▶ Work item:
Given the records below, would you repeat exactly the lines that begin at the one containing "#81=IFCINDEXEDPOLYGONALFACE((19,20,24,23));" and end at the one containing "#91=IFCINDEXEDPOLYGONALFACE((39,40,42,41));", inclusive?

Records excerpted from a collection
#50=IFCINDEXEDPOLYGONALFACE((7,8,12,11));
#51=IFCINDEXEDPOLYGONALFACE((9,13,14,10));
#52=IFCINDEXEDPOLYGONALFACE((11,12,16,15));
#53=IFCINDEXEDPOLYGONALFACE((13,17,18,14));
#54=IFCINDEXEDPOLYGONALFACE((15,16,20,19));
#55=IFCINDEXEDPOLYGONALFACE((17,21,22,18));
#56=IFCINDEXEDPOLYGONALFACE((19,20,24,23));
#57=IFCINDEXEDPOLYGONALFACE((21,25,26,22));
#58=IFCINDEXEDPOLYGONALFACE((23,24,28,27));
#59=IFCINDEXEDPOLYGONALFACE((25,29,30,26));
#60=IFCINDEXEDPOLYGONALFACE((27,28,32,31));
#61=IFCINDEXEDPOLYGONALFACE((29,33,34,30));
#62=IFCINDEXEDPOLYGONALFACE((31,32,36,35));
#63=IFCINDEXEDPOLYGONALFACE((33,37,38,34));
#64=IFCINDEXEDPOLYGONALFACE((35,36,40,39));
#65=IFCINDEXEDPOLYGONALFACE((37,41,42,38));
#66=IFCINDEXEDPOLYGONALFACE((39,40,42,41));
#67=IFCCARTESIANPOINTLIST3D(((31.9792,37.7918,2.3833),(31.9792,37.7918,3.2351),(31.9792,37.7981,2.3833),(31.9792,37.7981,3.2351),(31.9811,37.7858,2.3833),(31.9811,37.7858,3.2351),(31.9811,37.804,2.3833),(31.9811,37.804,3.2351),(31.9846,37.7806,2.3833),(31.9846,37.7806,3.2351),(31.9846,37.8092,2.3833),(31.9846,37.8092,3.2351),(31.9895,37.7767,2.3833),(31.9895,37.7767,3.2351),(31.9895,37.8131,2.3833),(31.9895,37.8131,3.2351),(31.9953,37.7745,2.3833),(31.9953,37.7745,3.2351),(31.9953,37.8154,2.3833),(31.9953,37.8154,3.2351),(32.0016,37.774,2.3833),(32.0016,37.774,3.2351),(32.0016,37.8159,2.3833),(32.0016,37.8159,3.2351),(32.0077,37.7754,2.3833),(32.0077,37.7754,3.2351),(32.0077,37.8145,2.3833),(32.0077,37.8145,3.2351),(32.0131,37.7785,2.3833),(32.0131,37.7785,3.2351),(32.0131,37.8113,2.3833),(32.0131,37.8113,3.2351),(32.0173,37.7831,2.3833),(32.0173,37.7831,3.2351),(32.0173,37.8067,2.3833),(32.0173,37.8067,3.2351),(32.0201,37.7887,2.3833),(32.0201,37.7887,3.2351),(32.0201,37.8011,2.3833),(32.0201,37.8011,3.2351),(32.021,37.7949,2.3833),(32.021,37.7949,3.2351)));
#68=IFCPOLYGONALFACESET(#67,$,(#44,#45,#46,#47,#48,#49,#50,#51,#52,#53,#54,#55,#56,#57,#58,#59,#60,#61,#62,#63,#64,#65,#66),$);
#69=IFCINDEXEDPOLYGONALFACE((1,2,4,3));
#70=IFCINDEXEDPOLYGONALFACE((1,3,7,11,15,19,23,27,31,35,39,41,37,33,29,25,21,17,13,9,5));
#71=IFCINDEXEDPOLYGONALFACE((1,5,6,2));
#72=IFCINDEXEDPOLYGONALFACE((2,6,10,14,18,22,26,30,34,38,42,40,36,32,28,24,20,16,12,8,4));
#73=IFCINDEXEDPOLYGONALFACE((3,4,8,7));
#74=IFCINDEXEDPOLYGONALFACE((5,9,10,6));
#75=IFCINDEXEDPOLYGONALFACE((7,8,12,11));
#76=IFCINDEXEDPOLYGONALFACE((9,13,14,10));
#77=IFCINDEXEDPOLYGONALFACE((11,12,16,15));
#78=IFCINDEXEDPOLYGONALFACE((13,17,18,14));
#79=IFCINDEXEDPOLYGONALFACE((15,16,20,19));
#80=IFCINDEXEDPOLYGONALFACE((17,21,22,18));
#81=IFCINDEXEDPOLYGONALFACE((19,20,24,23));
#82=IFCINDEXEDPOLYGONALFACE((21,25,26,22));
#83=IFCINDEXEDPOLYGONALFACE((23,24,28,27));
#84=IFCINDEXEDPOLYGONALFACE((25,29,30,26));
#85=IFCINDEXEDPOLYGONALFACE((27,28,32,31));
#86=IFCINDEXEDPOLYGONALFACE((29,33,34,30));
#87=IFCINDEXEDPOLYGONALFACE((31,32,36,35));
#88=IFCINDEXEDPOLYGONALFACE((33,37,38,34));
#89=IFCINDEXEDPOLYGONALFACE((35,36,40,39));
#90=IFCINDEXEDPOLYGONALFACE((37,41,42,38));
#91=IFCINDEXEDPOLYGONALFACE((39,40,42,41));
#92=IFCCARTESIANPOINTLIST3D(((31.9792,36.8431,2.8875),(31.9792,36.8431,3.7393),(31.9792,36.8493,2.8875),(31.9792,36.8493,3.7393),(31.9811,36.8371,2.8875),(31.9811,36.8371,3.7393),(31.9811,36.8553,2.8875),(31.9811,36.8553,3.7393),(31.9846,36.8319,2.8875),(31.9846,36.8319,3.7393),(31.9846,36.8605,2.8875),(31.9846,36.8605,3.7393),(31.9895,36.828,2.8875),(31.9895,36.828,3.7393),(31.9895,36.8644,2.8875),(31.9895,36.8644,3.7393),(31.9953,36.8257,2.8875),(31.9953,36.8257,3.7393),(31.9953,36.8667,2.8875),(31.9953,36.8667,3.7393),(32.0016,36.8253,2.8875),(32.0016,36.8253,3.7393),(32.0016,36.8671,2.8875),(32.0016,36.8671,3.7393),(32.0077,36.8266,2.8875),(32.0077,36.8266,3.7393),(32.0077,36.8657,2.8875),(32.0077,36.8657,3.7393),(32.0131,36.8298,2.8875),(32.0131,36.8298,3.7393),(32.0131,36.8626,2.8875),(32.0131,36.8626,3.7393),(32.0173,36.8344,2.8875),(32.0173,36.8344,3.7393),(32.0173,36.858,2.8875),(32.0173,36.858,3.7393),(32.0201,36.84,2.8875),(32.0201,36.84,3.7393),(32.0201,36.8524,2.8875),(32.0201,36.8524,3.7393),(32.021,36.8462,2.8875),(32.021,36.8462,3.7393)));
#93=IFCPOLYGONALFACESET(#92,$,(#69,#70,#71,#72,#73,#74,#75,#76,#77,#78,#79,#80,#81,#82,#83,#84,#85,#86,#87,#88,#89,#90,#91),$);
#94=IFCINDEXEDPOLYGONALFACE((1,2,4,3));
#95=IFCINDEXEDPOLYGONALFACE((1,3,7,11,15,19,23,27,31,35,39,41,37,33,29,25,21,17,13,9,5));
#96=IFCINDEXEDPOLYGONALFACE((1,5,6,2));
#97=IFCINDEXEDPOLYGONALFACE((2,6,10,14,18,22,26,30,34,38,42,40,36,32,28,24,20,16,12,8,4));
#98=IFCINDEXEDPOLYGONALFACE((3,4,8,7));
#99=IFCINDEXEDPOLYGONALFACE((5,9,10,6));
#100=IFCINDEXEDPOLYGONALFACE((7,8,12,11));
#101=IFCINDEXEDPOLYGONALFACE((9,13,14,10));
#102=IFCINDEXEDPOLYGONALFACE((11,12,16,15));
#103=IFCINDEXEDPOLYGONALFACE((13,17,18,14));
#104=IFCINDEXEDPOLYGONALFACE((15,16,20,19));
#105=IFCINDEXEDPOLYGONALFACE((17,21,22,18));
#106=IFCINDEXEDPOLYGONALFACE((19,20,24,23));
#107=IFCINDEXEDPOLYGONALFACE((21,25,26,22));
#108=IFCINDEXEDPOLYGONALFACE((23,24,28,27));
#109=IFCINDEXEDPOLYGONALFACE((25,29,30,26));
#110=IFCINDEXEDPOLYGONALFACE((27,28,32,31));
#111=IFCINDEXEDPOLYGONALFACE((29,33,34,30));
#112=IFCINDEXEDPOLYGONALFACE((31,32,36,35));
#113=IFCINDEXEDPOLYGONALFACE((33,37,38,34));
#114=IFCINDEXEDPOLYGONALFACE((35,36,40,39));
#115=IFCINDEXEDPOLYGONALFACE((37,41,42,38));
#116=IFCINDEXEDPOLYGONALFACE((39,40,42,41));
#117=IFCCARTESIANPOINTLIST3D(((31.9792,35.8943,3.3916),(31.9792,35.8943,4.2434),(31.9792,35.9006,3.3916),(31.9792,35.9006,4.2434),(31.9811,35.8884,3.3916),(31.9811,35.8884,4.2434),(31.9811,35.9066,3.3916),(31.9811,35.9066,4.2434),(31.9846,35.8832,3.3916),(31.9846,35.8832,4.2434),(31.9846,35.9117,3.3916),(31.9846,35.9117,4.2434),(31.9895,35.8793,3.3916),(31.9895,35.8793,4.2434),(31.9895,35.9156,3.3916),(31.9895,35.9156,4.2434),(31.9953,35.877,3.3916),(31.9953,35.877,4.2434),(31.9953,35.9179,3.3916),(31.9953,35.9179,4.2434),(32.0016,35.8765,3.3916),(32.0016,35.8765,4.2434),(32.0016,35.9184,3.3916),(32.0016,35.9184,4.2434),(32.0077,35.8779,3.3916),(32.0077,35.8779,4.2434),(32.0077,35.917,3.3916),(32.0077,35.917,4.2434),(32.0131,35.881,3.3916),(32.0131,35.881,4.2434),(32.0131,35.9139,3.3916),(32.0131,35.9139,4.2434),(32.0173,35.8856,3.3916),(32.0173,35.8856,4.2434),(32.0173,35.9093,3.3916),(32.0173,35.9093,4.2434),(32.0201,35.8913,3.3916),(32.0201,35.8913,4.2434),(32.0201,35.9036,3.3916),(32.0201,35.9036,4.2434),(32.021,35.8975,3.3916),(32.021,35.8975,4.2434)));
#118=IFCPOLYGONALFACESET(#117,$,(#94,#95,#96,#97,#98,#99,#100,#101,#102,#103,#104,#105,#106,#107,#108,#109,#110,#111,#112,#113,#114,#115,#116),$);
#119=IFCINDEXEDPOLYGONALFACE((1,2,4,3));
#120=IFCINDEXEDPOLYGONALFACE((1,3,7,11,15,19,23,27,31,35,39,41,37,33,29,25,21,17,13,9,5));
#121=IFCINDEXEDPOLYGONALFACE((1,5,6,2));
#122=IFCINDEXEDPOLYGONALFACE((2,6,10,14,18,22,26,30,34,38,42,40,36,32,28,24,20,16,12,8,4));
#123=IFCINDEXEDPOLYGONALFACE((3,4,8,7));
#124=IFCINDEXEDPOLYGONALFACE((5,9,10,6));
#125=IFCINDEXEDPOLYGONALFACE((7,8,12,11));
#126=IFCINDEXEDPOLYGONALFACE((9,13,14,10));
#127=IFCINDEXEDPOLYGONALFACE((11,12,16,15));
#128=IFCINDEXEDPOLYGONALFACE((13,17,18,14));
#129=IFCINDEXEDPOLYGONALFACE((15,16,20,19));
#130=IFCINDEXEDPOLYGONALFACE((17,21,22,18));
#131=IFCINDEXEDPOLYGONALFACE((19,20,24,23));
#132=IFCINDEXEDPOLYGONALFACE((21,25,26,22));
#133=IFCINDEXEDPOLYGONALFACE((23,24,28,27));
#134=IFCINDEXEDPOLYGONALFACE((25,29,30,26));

▶ Response area:
#81=IFCINDEXEDPOLYGONALFACE((19,20,24,23));
#82=IFCINDEXEDPOLYGONALFACE((21,25,26,22));
#83=IFCINDEXEDPOLYGONALFACE((23,24,28,27));
#84=IFCINDEXEDPOLYGONALFACE((25,29,30,26));
#85=IFCINDEXEDPOLYGONALFACE((27,28,32,31));
#86=IFCINDEXEDPOLYGONALFACE((29,33,34,30));
#87=IFCINDEXEDPOLYGONALFACE((31,32,36,35));
#88=IFCINDEXEDPOLYGONALFACE((33,37,38,34));
#89=IFCINDEXEDPOLYGONALFACE((35,36,40,39));
#90=IFCINDEXEDPOLYGONALFACE((37,41,42,38));
#91=IFCINDEXEDPOLYGONALFACE((39,40,42,41));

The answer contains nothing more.